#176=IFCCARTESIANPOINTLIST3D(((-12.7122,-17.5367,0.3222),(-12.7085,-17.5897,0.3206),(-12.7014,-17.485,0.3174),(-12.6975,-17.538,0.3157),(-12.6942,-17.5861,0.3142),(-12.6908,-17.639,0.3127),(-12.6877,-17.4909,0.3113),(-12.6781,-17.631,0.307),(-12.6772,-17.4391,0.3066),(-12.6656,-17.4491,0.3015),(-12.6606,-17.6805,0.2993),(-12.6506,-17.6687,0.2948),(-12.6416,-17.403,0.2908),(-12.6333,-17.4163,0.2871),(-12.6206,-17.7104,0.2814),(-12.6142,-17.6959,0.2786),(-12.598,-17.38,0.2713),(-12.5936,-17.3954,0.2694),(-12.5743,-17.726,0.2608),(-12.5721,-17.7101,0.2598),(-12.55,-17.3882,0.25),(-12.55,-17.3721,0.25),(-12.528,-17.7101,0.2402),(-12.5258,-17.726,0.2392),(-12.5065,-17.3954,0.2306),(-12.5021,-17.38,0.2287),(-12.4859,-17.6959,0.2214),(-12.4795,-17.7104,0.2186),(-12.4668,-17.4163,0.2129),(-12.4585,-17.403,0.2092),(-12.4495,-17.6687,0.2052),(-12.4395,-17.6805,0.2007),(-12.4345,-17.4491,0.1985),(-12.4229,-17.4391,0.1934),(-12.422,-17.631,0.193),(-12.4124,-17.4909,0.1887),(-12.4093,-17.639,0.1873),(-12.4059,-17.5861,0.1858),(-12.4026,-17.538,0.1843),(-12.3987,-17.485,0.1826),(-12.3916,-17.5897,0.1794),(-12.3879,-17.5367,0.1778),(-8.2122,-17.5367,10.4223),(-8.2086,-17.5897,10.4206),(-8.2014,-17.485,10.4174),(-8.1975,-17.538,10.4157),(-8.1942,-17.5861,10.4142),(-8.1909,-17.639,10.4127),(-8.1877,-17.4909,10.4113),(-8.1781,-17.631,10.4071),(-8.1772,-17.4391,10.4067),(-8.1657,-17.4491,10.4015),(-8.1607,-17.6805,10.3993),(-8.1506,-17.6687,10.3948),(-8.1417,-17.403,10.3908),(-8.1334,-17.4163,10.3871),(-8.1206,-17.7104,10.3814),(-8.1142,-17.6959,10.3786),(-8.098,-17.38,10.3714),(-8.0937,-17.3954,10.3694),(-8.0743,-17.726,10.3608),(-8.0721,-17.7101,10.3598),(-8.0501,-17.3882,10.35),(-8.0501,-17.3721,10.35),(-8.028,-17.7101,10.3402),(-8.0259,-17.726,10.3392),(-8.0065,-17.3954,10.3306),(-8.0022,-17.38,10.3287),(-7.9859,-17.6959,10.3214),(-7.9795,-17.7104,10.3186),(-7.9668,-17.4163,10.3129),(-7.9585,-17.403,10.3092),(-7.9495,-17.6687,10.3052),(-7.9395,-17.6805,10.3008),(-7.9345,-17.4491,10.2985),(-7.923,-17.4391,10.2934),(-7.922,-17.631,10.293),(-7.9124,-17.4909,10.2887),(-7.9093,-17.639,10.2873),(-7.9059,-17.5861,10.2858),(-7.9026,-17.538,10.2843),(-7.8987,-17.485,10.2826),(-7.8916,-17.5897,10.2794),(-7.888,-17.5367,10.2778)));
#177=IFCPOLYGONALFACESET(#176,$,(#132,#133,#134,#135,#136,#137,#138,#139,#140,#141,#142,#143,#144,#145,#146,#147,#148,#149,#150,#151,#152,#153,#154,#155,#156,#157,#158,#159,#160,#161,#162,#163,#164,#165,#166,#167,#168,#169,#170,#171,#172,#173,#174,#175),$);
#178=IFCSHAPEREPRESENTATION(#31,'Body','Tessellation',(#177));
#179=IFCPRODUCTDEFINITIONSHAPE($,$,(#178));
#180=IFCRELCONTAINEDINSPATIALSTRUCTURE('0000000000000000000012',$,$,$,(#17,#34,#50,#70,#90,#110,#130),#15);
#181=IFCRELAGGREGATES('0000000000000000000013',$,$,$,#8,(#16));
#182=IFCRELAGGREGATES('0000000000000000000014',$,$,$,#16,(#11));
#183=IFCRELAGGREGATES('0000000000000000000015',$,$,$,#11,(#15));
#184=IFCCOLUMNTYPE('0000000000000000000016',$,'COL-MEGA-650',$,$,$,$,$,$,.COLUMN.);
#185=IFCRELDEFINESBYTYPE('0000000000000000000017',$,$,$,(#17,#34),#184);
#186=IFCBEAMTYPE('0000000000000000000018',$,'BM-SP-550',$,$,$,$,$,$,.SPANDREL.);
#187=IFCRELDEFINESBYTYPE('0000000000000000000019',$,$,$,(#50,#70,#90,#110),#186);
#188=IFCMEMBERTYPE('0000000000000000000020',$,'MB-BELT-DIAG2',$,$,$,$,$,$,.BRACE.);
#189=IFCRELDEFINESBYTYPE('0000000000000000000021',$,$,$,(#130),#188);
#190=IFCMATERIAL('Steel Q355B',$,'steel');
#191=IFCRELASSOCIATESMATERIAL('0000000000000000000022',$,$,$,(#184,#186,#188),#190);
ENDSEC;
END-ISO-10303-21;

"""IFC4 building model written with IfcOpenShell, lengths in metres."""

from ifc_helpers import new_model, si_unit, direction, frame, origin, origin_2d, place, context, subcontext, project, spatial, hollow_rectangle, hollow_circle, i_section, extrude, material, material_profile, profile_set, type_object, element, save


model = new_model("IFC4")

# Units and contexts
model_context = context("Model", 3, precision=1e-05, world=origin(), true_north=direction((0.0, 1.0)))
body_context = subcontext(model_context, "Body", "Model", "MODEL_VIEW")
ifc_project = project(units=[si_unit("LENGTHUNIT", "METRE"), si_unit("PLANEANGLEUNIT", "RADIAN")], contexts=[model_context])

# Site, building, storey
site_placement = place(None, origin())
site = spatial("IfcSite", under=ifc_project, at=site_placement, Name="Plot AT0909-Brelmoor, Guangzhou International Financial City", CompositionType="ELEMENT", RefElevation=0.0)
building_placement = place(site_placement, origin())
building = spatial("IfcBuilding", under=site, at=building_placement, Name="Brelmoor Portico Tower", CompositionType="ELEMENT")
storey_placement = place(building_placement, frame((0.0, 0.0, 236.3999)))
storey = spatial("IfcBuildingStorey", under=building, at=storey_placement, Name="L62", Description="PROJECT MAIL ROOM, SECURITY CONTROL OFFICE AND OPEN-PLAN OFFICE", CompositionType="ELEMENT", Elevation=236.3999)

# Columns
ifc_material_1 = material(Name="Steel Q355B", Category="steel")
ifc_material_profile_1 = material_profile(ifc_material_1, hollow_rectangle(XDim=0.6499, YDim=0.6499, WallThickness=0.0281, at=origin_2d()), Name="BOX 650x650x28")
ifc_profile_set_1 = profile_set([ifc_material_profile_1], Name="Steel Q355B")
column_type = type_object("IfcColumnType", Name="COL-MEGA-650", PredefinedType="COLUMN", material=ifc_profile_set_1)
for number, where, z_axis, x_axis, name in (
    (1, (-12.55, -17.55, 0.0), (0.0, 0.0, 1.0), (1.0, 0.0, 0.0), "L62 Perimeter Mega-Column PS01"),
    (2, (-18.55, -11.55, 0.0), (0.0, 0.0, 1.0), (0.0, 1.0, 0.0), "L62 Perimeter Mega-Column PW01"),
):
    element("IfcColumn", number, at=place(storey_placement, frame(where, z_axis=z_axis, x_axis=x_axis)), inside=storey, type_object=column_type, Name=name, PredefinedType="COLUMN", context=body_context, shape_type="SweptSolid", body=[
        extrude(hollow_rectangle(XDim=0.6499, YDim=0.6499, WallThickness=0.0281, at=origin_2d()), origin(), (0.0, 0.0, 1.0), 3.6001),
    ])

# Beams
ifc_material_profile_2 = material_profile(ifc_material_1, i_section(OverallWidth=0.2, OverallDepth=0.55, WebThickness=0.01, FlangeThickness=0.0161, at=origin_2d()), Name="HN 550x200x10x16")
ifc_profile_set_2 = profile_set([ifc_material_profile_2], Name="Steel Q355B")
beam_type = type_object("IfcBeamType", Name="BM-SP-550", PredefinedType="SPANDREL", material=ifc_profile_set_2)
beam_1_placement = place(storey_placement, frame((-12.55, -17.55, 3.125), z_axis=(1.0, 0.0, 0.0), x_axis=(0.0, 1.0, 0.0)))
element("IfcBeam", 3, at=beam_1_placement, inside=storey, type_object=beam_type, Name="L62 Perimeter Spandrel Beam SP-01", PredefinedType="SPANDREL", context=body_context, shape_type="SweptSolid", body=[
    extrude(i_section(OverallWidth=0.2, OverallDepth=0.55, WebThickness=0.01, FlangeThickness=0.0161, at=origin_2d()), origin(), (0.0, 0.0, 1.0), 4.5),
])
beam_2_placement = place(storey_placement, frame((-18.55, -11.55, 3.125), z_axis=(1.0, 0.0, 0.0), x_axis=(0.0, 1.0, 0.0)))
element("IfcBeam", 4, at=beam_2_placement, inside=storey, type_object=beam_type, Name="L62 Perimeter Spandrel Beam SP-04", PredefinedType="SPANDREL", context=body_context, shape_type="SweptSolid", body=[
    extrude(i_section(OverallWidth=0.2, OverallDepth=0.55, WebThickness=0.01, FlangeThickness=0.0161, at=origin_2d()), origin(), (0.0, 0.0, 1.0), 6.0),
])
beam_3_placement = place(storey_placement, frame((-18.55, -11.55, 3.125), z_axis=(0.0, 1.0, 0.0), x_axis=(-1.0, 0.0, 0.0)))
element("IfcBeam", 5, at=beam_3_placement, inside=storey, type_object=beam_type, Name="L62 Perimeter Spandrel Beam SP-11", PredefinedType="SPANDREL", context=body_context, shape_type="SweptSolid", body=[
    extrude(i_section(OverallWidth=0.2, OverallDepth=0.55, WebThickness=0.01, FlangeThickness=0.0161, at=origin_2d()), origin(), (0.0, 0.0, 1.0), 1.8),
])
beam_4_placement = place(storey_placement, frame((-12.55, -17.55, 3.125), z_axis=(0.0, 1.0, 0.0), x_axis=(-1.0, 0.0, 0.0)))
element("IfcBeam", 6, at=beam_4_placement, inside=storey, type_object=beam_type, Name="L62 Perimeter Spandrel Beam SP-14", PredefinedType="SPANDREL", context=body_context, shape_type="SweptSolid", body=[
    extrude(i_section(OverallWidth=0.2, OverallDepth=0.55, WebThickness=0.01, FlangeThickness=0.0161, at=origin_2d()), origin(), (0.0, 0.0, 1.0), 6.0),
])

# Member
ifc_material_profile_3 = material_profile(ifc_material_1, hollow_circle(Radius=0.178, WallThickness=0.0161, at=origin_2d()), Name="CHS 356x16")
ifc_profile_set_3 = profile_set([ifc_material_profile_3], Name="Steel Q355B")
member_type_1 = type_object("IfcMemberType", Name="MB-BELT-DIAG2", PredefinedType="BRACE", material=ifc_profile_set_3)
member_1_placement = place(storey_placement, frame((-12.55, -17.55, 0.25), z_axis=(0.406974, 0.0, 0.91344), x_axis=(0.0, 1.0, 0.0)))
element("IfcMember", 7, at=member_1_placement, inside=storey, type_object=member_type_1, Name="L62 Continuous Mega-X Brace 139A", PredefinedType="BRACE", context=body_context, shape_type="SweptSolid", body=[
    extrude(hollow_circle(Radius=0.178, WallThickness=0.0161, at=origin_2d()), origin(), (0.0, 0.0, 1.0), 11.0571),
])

* What the task requires *
Tell how many lines in the records above contain "Brelmoor", giving the number and no other words.

* Reply *
2